## Exercise requirements:
Look below for the line holding "#81=IFCINDEXEDPOLYGONALFACE((5,7,8,6));" and the line holding "#114=IFCINDEXEDPOLYGONALFACE((1,5,7,3));". Transcribe exactly those lines and all lines between them, nothing more.

------ The records ------

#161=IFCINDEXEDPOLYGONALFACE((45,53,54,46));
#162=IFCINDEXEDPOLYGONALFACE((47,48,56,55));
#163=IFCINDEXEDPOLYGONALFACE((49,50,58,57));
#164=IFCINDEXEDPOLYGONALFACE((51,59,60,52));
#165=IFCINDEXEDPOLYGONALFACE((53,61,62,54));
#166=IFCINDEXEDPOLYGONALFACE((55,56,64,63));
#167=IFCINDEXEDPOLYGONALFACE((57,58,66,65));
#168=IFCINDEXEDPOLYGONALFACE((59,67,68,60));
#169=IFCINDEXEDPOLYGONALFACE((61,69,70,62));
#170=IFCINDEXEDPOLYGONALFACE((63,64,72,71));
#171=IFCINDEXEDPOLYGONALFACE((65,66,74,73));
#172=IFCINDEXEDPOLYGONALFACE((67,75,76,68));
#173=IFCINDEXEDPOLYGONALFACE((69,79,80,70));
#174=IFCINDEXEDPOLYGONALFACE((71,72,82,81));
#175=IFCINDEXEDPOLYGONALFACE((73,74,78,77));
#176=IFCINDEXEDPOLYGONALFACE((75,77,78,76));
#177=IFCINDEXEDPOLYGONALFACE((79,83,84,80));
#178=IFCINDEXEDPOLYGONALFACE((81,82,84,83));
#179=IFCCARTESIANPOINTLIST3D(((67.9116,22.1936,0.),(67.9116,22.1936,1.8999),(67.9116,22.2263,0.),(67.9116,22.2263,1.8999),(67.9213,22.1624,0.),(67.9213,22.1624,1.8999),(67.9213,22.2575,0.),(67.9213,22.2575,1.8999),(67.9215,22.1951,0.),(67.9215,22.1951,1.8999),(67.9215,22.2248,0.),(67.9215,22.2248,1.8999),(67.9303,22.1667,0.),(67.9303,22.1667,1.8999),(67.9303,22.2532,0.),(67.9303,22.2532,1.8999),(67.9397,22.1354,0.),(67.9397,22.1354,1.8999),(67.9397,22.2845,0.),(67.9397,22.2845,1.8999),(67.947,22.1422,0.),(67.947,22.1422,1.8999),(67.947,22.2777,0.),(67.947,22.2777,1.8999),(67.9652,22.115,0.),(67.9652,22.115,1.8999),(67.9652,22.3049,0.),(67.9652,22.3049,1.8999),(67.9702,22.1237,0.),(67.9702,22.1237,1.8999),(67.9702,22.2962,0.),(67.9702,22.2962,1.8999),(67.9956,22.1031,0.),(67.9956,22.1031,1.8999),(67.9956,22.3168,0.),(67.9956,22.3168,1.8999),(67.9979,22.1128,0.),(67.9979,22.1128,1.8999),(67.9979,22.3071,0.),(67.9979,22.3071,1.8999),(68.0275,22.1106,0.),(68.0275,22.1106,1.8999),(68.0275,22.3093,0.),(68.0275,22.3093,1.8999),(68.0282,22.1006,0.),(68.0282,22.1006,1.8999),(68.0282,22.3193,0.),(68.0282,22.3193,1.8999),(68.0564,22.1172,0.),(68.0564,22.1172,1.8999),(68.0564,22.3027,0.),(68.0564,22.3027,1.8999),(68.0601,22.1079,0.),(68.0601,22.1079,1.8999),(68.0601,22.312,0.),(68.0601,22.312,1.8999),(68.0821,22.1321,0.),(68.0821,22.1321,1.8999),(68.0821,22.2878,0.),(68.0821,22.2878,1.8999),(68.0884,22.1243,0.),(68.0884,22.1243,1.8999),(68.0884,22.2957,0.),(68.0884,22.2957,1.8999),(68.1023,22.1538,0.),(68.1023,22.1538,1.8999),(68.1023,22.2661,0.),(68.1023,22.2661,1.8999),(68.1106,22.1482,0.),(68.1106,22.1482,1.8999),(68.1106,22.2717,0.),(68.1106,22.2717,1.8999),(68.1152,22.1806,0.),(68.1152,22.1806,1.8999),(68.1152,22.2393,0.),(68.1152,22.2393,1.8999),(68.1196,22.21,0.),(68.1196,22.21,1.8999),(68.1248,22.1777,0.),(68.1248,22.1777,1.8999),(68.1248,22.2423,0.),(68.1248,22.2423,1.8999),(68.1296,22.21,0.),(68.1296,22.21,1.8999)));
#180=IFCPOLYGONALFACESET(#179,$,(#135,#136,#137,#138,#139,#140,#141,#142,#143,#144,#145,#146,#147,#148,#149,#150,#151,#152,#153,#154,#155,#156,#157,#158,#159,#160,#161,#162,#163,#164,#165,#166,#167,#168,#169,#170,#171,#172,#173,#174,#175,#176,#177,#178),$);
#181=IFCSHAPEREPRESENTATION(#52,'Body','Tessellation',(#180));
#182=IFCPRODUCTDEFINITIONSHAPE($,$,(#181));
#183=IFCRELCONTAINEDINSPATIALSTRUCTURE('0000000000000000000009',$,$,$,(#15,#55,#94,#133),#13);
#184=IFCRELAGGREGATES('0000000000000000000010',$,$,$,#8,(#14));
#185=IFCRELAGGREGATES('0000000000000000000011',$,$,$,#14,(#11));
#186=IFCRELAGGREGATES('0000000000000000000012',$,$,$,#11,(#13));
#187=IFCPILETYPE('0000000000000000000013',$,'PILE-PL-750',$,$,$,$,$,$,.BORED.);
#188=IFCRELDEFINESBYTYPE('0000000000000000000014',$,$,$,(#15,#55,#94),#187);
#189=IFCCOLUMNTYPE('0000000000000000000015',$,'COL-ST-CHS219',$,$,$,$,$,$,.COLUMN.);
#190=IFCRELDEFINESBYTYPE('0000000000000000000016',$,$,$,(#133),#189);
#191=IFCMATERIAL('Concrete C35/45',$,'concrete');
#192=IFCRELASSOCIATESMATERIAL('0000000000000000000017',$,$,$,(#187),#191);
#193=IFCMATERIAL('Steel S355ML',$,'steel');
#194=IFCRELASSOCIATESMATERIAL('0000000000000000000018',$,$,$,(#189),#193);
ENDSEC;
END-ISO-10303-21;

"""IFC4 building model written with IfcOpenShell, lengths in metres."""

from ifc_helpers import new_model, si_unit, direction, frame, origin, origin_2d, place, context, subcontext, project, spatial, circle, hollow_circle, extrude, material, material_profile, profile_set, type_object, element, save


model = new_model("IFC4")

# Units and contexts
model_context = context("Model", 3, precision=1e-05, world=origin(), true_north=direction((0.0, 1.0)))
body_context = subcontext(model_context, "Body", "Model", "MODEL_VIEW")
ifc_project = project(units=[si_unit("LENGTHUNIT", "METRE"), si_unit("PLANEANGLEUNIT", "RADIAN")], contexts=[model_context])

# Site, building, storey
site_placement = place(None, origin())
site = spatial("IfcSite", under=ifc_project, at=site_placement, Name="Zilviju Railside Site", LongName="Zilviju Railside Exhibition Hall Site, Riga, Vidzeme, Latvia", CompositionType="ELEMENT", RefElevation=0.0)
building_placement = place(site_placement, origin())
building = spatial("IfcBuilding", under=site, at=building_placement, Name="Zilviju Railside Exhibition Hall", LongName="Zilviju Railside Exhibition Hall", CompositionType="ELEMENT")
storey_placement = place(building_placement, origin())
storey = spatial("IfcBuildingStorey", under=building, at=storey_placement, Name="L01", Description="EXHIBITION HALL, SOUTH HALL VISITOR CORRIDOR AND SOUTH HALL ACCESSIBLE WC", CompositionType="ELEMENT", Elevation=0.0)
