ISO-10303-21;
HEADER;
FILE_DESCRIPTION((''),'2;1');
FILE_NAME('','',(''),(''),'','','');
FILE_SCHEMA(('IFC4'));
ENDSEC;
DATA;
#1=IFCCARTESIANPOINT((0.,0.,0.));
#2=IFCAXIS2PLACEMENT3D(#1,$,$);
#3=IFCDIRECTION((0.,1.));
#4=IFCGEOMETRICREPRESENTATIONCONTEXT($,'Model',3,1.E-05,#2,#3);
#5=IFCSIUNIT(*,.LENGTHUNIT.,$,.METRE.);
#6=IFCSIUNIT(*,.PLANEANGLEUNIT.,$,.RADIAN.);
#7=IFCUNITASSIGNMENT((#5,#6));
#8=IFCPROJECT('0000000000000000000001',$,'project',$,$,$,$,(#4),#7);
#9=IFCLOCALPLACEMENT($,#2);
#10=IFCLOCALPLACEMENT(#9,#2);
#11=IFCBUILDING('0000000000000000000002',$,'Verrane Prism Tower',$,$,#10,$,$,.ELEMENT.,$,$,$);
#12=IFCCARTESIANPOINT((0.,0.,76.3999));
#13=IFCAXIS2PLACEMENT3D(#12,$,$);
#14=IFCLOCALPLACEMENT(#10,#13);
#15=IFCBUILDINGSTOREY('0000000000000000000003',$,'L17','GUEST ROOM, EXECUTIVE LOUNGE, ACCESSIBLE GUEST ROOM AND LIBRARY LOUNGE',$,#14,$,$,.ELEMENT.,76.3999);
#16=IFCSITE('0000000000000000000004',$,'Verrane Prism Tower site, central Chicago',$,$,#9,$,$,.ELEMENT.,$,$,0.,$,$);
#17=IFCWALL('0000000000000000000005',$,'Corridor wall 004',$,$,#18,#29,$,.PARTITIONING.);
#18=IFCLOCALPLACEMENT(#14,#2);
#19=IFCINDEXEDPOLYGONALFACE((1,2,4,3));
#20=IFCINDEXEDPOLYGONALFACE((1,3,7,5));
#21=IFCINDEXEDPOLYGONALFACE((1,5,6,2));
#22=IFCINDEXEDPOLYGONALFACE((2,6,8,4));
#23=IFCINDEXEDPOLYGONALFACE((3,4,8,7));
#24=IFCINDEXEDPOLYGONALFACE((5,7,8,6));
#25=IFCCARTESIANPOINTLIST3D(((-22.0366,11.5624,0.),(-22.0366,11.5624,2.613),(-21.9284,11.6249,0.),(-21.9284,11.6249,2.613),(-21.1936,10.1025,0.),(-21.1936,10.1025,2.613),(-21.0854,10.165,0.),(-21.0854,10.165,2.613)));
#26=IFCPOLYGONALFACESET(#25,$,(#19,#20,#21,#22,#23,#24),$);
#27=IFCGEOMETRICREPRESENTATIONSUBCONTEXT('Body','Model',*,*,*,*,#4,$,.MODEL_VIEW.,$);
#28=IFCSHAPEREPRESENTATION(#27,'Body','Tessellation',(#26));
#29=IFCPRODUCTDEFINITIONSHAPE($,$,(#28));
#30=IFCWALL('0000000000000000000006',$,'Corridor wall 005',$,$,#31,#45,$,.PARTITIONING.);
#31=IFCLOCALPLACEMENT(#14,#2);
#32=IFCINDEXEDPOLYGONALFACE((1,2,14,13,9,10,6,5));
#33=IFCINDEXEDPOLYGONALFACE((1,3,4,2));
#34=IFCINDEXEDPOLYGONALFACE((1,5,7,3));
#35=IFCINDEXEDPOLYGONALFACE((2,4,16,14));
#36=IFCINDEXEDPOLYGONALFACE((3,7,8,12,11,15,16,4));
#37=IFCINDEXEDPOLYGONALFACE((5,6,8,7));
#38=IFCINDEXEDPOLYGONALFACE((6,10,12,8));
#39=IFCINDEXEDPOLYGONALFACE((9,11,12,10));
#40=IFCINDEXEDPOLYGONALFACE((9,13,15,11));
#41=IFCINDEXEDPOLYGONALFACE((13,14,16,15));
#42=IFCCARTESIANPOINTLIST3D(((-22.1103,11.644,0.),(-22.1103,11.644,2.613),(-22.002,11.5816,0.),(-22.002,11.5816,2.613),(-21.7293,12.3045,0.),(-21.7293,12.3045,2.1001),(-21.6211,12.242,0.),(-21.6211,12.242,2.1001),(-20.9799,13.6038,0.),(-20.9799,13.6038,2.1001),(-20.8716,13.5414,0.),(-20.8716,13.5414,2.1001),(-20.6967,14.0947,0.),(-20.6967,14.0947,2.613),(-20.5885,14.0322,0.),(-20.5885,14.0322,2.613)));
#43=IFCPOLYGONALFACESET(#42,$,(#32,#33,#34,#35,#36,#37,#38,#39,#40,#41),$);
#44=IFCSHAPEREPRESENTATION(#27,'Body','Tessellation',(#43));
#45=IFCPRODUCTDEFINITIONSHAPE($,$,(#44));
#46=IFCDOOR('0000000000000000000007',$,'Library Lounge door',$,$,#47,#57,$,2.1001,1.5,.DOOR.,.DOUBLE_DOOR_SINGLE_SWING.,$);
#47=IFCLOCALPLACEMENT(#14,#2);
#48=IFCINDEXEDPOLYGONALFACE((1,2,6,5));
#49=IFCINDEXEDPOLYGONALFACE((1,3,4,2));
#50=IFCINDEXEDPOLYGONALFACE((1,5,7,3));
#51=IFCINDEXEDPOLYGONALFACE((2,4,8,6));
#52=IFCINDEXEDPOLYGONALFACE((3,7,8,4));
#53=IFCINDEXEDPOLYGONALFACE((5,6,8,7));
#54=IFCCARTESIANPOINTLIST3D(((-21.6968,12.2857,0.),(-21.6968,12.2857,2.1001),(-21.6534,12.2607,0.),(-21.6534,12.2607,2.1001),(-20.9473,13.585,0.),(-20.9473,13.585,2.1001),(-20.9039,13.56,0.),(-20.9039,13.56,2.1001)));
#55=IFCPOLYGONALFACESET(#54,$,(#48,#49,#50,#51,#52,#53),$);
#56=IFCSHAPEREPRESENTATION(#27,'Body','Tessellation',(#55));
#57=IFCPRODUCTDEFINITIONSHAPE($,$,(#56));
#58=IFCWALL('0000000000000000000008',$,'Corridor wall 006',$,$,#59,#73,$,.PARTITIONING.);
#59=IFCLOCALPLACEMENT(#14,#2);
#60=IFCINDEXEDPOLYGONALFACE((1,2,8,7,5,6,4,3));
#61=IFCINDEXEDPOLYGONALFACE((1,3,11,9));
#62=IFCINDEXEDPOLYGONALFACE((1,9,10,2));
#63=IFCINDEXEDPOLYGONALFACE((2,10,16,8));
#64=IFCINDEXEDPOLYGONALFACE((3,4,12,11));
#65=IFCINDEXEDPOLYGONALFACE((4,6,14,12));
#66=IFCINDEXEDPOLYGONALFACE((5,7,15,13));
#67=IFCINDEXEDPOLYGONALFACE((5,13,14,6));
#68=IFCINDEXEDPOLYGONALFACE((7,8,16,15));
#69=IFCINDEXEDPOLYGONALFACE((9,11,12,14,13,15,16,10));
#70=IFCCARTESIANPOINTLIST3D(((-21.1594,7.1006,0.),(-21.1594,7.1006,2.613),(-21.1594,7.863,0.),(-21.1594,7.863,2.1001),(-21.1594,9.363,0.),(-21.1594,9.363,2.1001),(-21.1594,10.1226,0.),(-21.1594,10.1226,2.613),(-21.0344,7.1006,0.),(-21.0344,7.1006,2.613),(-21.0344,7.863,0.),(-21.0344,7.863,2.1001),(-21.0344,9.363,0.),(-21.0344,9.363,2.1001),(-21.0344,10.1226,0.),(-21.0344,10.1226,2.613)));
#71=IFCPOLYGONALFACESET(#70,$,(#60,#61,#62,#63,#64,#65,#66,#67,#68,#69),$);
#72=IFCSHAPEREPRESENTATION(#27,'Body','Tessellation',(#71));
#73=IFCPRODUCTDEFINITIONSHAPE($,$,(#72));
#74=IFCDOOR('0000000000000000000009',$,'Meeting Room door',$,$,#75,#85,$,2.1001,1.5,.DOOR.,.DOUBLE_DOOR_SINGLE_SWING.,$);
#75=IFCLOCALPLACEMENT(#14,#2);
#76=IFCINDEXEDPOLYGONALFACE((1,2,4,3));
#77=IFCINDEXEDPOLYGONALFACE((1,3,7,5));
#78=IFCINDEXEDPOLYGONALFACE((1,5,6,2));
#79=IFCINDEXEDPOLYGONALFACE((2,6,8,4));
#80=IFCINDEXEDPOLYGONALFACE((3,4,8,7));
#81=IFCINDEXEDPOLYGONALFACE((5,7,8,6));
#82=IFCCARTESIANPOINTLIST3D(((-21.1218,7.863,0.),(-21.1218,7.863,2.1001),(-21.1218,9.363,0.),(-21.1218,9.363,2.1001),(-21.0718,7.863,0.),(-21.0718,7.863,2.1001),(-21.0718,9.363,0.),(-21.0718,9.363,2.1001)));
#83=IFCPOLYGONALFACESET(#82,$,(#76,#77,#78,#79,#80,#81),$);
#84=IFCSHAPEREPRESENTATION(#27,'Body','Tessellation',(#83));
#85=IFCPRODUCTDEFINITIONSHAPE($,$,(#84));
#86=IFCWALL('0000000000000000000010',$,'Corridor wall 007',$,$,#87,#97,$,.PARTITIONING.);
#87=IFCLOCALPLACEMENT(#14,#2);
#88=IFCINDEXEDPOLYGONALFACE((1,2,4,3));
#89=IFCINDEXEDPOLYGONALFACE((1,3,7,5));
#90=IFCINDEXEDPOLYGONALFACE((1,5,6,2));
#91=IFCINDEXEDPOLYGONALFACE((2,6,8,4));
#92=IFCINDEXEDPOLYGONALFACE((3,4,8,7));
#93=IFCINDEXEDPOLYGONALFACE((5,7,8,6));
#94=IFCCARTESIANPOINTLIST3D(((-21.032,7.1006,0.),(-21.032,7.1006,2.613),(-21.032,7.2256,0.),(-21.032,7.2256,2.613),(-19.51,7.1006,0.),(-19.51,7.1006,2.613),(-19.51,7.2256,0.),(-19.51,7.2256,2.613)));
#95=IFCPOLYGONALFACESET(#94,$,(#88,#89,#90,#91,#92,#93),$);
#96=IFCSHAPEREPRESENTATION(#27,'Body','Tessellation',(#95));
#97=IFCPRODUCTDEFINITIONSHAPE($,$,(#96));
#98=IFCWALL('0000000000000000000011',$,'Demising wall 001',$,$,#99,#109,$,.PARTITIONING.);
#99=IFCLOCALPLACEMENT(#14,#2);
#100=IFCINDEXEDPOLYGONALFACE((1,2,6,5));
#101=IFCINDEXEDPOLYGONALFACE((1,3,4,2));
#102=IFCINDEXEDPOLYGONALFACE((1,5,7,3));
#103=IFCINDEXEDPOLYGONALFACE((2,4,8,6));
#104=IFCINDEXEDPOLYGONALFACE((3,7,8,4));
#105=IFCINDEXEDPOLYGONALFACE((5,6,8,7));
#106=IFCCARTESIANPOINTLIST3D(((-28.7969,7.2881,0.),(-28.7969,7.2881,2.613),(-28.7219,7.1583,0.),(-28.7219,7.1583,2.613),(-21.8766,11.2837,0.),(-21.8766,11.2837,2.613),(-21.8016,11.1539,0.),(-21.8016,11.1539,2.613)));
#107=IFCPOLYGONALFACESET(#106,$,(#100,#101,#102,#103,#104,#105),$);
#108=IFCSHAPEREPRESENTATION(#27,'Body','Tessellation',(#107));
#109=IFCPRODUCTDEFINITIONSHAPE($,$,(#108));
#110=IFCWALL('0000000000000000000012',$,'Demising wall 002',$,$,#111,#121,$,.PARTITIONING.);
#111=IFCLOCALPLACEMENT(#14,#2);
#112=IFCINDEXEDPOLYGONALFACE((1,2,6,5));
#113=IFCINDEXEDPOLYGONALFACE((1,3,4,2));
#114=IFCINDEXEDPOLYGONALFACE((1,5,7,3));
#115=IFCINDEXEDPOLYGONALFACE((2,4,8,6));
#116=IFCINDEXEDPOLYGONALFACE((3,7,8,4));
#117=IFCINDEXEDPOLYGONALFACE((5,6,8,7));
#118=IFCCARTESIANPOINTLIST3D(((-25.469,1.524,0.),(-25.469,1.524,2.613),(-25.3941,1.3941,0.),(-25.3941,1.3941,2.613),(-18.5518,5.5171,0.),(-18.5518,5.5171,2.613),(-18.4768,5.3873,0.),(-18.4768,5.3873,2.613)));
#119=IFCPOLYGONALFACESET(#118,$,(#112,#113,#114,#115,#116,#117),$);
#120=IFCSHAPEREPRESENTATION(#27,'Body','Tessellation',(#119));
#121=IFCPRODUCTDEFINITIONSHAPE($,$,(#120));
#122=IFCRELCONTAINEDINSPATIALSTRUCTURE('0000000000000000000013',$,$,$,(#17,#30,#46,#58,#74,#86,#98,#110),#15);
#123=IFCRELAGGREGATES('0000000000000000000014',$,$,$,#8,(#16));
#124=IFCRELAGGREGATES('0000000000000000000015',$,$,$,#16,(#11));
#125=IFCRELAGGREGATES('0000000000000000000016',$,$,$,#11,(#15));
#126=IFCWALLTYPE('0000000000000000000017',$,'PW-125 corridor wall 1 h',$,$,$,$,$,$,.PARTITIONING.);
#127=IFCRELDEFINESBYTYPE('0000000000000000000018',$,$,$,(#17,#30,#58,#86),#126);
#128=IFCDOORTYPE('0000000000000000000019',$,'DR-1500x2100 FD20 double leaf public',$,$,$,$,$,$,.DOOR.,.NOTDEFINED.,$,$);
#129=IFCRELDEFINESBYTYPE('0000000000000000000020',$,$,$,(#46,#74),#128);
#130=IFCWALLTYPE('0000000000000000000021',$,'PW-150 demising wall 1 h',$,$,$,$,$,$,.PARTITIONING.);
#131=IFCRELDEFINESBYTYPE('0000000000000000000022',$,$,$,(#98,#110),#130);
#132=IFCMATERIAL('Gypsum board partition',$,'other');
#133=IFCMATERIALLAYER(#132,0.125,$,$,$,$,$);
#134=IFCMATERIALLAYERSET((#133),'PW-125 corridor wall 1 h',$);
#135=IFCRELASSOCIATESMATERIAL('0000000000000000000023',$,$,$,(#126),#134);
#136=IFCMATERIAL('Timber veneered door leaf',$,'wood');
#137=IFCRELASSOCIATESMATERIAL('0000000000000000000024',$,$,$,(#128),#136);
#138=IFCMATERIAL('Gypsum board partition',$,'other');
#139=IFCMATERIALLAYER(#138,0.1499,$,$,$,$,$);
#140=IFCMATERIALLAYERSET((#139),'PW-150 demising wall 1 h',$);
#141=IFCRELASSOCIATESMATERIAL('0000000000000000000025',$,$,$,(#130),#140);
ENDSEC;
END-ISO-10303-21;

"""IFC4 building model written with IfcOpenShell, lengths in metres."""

from ifc_helpers import new_model, si_unit, direction, frame, frame_2d, origin, place, context, subcontext, project, spatial, rectangle, extrude, material, layer, layer_set, type_object, element, fill, save


model = new_model("IFC4")

# Units and contexts
model_context = context("Model", 3, precision=1e-05, world=origin(), true_north=direction((0.0, 1.0)))
body_context = subcontext(model_context, "Body", "Model", "MODEL_VIEW")
ifc_project = project(units=[si_unit("LENGTHUNIT", "METRE"), si_unit("PLANEANGLEUNIT", "RADIAN")], contexts=[model_context])

# Site, building, storey
site_placement = place(None, origin())
site = spatial("IfcSite", under=ifc_project, at=site_placement, Name="Verrane Prism Tower site, central Chicago", CompositionType="ELEMENT", RefElevation=0.0)
building_placement = place(site_placement, origin())
building = spatial("IfcBuilding", under=site, at=building_placement, Name="Verrane Prism Tower", CompositionType="ELEMENT")
storey_placement = place(building_placement, frame((0.0, 0.0, 76.3999)))
storey = spatial("IfcBuildingStorey", under=building, at=storey_placement, Name="L17", Description="GUEST ROOM, EXECUTIVE LOUNGE, ACCESSIBLE GUEST ROOM AND LIBRARY LOUNGE", CompositionType="ELEMENT", Elevation=76.3999)

# Wall
ifc_material_1 = material(Name="Gypsum board partition", Category="other")
ifc_layer_1 = layer(ifc_material_1, 0.125)
ifc_layer_set_1 = layer_set([ifc_layer_1], Name="PW-125 corridor wall 1 h")
wall_type_1 = type_object("IfcWallType", Name="PW-125 corridor wall 1 h", PredefinedType="PARTITIONING", material=ifc_layer_set_1)
wall_1_placement = place(storey_placement, frame((-21.9824, 11.5935, 0.0), z_axis=(0.0, 0.0, 1.0), x_axis=(0.500048, -0.865997, 0.0)))
element("IfcWall", 1, at=wall_1_placement, inside=storey, type_object=wall_type_1, Name="Corridor wall 004", PredefinedType="PARTITIONING", context=body_context, shape_type="SweptSolid", body=[
    extrude(rectangle(XDim=1.6858, YDim=0.125, at=frame_2d((0.8428, 0.0))), origin(), (0.0, 0.0, 1.0), 2.613),
])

------

## Written response:
#81=IFCINDEXEDPOLYGONALFACE((5,7,8,6));
#82=IFCCARTESIANPOINTLIST3D(((-21.1218,7.863,0.),(-21.1218,7.863,2.1001),(-21.1218,9.363,0.),(-21.1218,9.363,2.1001),(-21.0718,7.863,0.),(-21.0718,7.863,2.1001),(-21.0718,9.363,0.),(-21.0718,9.363,2.1001)));
#83=IFCPOLYGONALFACESET(#82,$,(#76,#77,#78,#79,#80,#81),$);
#84=IFCSHAPEREPRESENTATION(#27,'Body','Tessellation',(#83));
#85=IFCPRODUCTDEFINITIONSHAPE($,$,(#84));
#86=IFCWALL('0000000000000000000010',$,'Corridor wall 007',$,$,#87,#97,$,.PARTITIONING.);
#87=IFCLOCALPLACEMENT(#14,#2);
#88=IFCINDEXEDPOLYGONALFACE((1,2,4,3));
#89=IFCINDEXEDPOLYGONALFACE((1,3,7,5));
#90=IFCINDEXEDPOLYGONALFACE((1,5,6,2));
#91=IFCINDEXEDPOLYGONALFACE((2,6,8,4));
#92=IFCINDEXEDPOLYGONALFACE((3,4,8,7));
#93=IFCINDEXEDPOLYGONALFACE((5,7,8,6));
#94=IFCCARTESIANPOINTLIST3D(((-21.032,7.1006,0.),(-21.032,7.1006,2.613),(-21.032,7.2256,0.),(-21.032,7.2256,2.613),(-19.51,7.1006,0.),(-19.51,7.1006,2.613),(-19.51,7.2256,0.),(-19.51,7.2256,2.613)));
#95=IFCPOLYGONALFACESET(#94,$,(#88,#89,#90,#91,#92,#93),$);
#96=IFCSHAPEREPRESENTATION(#27,'Body','Tessellation',(#95));
#97=IFCPRODUCTDEFINITIONSHAPE($,$,(#96));
#98=IFCWALL('0000000000000000000011',$,'Demising wall 001',$,$,#99,#109,$,.PARTITIONING.);
#99=IFCLOCALPLACEMENT(#14,#2);
#100=IFCINDEXEDPOLYGONALFACE((1,2,6,5));
#101=IFCINDEXEDPOLYGONALFACE((1,3,4,2));
#102=IFCINDEXEDPOLYGONALFACE((1,5,7,3));
#103=IFCINDEXEDPOLYGONALFACE((2,4,8,6));
#104=IFCINDEXEDPOLYGONALFACE((3,7,8,4));
#105=IFCINDEXEDPOLYGONALFACE((5,6,8,7));
#106=IFCCARTESIANPOINTLIST3D(((-28.7969,7.2881,0.),(-28.7969,7.2881,2.613),(-28.7219,7.1583,0.),(-28.7219,7.1583,2.613),(-21.8766,11.2837,0.),(-21.8766,11.2837,2.613),(-21.8016,11.1539,0.),(-21.8016,11.1539,2.613)));
#107=IFCPOLYGONALFACESET(#106,$,(#100,#101,#102,#103,#104,#105),$);
#108=IFCSHAPEREPRESENTATION(#27,'Body','Tessellation',(#107));
#109=IFCPRODUCTDEFINITIONSHAPE($,$,(#108));
#110=IFCWALL('0000000000000000000012',$,'Demising wall 002',$,$,#111,#121,$,.PARTITIONING.);
#111=IFCLOCALPLACEMENT(#14,#2);
#112=IFCINDEXEDPOLYGONALFACE((1,2,6,5));
#113=IFCINDEXEDPOLYGONALFACE((1,3,4,2));
#114=IFCINDEXEDPOLYGONALFACE((1,5,7,3));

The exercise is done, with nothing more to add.